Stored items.
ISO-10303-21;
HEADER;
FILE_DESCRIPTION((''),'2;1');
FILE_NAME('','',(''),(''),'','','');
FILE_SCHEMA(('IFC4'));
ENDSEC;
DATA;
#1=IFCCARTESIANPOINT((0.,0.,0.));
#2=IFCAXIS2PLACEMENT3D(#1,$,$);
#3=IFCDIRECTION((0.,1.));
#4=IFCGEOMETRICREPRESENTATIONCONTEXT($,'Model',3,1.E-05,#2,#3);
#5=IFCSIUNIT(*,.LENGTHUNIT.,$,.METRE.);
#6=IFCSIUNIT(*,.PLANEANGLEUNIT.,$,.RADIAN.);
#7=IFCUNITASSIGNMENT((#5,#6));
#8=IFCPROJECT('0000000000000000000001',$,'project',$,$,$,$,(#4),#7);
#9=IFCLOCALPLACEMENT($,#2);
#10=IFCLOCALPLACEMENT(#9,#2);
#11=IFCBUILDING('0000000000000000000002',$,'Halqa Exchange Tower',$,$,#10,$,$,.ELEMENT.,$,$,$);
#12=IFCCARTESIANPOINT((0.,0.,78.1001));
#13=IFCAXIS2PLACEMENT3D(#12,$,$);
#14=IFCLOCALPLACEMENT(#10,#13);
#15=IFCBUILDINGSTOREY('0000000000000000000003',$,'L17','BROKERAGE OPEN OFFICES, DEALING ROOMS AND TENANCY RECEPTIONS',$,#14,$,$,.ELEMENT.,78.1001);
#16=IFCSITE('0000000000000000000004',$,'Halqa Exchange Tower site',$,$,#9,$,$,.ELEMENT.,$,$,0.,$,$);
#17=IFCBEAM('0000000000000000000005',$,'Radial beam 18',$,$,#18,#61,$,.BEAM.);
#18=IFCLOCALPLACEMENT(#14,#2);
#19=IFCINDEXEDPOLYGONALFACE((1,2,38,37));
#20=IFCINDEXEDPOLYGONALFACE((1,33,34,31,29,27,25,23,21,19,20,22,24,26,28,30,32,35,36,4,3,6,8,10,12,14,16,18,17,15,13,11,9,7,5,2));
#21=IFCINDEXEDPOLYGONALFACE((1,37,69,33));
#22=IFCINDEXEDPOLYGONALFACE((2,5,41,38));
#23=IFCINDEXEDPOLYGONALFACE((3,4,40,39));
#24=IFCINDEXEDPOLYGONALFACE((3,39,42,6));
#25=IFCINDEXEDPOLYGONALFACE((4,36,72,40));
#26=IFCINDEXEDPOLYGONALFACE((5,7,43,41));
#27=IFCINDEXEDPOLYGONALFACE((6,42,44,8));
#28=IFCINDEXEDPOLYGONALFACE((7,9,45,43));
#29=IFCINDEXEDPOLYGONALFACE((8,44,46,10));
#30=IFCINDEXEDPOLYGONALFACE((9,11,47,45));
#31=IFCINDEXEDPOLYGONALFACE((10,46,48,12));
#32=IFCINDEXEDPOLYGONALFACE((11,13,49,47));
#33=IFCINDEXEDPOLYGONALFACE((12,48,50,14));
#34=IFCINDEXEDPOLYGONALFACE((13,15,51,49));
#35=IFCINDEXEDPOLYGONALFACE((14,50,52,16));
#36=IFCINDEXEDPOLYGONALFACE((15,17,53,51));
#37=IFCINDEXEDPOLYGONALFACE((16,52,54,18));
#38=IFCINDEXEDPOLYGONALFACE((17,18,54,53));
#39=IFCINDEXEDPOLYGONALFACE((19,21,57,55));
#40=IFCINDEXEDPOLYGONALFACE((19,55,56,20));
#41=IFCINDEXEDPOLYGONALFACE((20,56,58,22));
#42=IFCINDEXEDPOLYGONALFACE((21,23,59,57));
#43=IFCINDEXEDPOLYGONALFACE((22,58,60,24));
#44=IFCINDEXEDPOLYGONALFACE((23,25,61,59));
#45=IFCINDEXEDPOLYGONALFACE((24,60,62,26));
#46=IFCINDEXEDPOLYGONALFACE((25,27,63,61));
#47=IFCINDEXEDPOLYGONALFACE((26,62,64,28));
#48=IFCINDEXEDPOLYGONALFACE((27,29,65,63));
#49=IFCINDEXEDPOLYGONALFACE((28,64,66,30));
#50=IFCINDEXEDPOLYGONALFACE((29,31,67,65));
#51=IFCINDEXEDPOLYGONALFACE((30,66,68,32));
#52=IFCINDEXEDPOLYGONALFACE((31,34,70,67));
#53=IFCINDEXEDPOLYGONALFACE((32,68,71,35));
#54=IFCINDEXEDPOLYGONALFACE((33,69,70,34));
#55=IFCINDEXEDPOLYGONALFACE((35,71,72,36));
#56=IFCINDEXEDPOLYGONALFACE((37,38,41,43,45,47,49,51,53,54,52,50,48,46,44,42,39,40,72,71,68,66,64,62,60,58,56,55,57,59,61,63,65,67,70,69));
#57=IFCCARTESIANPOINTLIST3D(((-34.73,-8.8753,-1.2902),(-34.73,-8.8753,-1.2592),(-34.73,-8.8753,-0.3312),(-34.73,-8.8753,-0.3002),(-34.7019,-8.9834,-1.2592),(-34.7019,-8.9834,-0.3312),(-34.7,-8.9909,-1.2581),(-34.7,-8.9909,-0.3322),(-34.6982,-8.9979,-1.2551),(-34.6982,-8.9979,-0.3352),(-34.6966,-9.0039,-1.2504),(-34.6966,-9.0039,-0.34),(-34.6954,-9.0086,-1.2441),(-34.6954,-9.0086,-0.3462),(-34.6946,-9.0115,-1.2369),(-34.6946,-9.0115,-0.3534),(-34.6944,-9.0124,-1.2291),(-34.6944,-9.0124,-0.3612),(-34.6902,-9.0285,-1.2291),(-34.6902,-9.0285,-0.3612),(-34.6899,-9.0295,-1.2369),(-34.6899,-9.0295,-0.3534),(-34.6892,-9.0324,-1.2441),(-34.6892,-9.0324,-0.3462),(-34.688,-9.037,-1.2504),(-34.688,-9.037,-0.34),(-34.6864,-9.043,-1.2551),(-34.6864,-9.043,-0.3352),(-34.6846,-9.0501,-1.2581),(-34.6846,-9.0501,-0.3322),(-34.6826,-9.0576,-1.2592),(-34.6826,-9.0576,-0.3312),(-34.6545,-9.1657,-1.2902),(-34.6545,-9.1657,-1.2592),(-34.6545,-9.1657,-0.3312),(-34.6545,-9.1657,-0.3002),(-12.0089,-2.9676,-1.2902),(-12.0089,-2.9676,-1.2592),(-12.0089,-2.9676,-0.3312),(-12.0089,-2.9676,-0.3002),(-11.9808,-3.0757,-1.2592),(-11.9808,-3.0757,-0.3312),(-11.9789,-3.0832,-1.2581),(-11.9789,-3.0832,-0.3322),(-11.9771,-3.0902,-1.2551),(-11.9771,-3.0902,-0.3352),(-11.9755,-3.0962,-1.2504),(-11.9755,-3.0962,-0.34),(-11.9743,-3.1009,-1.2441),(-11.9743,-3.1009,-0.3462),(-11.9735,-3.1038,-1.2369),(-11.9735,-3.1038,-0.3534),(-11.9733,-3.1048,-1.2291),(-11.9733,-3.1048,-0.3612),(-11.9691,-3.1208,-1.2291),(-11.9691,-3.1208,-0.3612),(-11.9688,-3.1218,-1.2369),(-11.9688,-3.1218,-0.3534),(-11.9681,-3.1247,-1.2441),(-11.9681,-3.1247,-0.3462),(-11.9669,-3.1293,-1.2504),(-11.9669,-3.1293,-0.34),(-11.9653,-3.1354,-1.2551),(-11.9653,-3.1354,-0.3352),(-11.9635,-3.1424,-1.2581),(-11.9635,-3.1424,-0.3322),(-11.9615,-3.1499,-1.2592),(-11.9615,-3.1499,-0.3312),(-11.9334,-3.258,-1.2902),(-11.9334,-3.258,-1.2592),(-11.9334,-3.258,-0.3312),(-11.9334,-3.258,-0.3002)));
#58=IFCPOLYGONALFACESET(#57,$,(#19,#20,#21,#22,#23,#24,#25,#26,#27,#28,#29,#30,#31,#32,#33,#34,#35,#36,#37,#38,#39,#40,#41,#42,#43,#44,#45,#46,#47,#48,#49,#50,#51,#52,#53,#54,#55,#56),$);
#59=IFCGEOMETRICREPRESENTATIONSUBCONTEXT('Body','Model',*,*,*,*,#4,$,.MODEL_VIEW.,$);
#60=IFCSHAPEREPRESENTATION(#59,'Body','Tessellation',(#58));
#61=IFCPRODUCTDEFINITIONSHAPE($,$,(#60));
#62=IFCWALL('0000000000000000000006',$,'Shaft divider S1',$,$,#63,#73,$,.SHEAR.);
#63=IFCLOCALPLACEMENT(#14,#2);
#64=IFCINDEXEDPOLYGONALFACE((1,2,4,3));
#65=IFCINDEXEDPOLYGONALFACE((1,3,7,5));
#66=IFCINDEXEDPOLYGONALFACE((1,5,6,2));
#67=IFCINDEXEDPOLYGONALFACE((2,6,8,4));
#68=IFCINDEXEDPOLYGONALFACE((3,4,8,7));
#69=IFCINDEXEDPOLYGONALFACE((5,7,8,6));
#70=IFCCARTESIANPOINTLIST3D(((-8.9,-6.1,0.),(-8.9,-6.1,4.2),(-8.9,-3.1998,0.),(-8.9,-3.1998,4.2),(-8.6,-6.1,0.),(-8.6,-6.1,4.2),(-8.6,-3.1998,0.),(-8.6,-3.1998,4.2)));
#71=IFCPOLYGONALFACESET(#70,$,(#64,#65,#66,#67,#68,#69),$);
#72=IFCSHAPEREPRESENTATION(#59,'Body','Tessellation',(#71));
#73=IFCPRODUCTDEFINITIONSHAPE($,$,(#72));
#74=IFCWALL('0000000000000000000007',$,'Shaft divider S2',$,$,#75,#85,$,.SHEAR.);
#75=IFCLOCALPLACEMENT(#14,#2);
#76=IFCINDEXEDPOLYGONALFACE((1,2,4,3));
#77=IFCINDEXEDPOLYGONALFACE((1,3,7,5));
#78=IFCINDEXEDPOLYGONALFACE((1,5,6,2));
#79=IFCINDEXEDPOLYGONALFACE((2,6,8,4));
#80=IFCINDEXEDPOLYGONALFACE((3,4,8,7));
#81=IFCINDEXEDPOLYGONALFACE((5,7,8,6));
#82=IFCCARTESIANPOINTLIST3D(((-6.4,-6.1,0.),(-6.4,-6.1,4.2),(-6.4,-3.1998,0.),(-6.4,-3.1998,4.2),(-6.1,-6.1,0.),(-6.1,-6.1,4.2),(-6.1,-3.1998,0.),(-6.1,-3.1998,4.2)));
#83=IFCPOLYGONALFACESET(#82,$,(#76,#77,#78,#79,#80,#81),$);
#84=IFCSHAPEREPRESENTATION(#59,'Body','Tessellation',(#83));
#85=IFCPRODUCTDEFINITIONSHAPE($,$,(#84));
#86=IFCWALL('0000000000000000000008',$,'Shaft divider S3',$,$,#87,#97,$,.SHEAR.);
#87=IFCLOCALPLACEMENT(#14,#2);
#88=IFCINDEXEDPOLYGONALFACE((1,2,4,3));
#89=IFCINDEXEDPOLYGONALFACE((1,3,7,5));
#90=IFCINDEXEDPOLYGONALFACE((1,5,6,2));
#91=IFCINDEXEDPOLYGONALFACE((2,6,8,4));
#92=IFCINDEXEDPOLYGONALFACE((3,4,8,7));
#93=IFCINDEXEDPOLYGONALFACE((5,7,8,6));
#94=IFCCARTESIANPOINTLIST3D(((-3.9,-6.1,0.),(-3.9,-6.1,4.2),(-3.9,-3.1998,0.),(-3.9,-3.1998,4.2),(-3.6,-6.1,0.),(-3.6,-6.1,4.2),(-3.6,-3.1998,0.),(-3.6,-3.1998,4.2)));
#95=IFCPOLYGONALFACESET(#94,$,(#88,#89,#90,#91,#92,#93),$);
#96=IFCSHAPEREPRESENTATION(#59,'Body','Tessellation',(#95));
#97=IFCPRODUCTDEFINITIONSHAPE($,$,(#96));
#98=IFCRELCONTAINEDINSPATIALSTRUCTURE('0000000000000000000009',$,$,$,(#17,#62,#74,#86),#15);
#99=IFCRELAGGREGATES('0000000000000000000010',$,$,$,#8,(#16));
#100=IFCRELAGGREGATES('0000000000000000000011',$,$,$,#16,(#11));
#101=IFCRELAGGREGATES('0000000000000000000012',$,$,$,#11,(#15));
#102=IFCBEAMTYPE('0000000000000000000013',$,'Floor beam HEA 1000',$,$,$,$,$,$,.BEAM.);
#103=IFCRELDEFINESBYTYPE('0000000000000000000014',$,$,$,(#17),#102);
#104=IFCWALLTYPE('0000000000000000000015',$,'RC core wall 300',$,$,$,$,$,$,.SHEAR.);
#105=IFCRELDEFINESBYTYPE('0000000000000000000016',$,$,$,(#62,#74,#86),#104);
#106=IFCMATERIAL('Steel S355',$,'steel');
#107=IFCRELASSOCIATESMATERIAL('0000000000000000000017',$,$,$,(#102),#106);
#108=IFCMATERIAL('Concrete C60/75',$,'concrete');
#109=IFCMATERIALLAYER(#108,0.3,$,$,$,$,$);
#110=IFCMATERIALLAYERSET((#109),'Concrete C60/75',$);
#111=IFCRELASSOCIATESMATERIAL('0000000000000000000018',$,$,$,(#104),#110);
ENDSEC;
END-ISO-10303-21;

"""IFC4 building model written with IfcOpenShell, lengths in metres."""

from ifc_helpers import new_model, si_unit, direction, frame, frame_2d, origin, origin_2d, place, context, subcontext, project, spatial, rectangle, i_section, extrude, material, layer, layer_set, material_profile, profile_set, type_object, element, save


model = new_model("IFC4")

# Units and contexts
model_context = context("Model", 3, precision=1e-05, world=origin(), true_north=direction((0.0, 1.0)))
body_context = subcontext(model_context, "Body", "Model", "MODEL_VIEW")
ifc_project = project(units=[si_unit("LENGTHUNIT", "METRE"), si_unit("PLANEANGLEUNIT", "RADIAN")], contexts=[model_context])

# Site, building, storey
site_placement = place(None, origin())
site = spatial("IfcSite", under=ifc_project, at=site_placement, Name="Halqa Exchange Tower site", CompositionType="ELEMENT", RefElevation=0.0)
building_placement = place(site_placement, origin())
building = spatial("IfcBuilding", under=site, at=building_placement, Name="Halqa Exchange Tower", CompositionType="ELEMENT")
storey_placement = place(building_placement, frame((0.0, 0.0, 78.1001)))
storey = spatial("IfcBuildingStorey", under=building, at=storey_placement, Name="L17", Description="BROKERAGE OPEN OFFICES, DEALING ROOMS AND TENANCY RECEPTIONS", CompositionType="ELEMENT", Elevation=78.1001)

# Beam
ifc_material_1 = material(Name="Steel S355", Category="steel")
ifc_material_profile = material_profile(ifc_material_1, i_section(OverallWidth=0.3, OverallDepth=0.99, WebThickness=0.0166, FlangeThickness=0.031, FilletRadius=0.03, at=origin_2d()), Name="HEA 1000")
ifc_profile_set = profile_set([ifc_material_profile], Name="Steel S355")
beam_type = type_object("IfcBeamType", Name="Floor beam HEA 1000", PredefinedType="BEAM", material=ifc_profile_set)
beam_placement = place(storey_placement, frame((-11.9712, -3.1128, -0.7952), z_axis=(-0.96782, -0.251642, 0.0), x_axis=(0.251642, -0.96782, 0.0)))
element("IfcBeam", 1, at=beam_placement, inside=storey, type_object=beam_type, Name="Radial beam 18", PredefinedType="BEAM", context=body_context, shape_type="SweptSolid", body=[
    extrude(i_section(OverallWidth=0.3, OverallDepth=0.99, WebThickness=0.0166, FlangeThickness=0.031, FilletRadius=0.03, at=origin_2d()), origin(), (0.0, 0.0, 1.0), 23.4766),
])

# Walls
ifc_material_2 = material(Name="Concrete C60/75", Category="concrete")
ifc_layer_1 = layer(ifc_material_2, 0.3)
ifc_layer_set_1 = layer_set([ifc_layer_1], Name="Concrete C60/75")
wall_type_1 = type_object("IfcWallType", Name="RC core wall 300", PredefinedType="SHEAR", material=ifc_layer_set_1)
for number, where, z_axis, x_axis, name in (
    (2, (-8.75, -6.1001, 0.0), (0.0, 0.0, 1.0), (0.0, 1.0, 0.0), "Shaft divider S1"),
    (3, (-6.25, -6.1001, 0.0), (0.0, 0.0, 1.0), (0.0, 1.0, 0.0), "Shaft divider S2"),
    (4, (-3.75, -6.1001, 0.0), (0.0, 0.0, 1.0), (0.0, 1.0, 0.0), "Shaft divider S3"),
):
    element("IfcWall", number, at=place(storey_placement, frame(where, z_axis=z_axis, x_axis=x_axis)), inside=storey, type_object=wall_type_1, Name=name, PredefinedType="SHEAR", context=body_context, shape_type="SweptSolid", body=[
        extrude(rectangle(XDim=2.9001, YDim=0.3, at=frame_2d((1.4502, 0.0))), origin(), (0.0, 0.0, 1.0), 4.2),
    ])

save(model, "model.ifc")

What to work on. The lines from the beginning of the records through the line containing "#14=IFCLOCALPLACEMENT(#10,#13);" should be reproduced exactly. Include nothing else.

Solution to this problem.
ISO-10303-21;
HEADER;
FILE_DESCRIPTION((''),'2;1');
FILE_NAME('','',(''),(''),'','','');
FILE_SCHEMA(('IFC4'));
ENDSEC;
DATA;
#1=IFCCARTESIANPOINT((0.,0.,0.));
#2=IFCAXIS2PLACEMENT3D(#1,$,$);
#3=IFCDIRECTION((0.,1.));
#4=IFCGEOMETRICREPRESENTATIONCONTEXT($,'Model',3,1.E-05,#2,#3);
#5=IFCSIUNIT(*,.LENGTHUNIT.,$,.METRE.);
#6=IFCSIUNIT(*,.PLANEANGLEUNIT.,$,.RADIAN.);
#7=IFCUNITASSIGNMENT((#5,#6));
#8=IFCPROJECT('0000000000000000000001',$,'project',$,$,$,$,(#4),#7);
#9=IFCLOCALPLACEMENT($,#2);
#10=IFCLOCALPLACEMENT(#9,#2);
#11=IFCBUILDING('0000000000000000000002',$,'Halqa Exchange Tower',$,$,#10,$,$,.ELEMENT.,$,$,$);
#12=IFCCARTESIANPOINT((0.,0.,78.1001));
#13=IFCAXIS2PLACEMENT3D(#12,$,$);
#14=IFCLOCALPLACEMENT(#10,#13);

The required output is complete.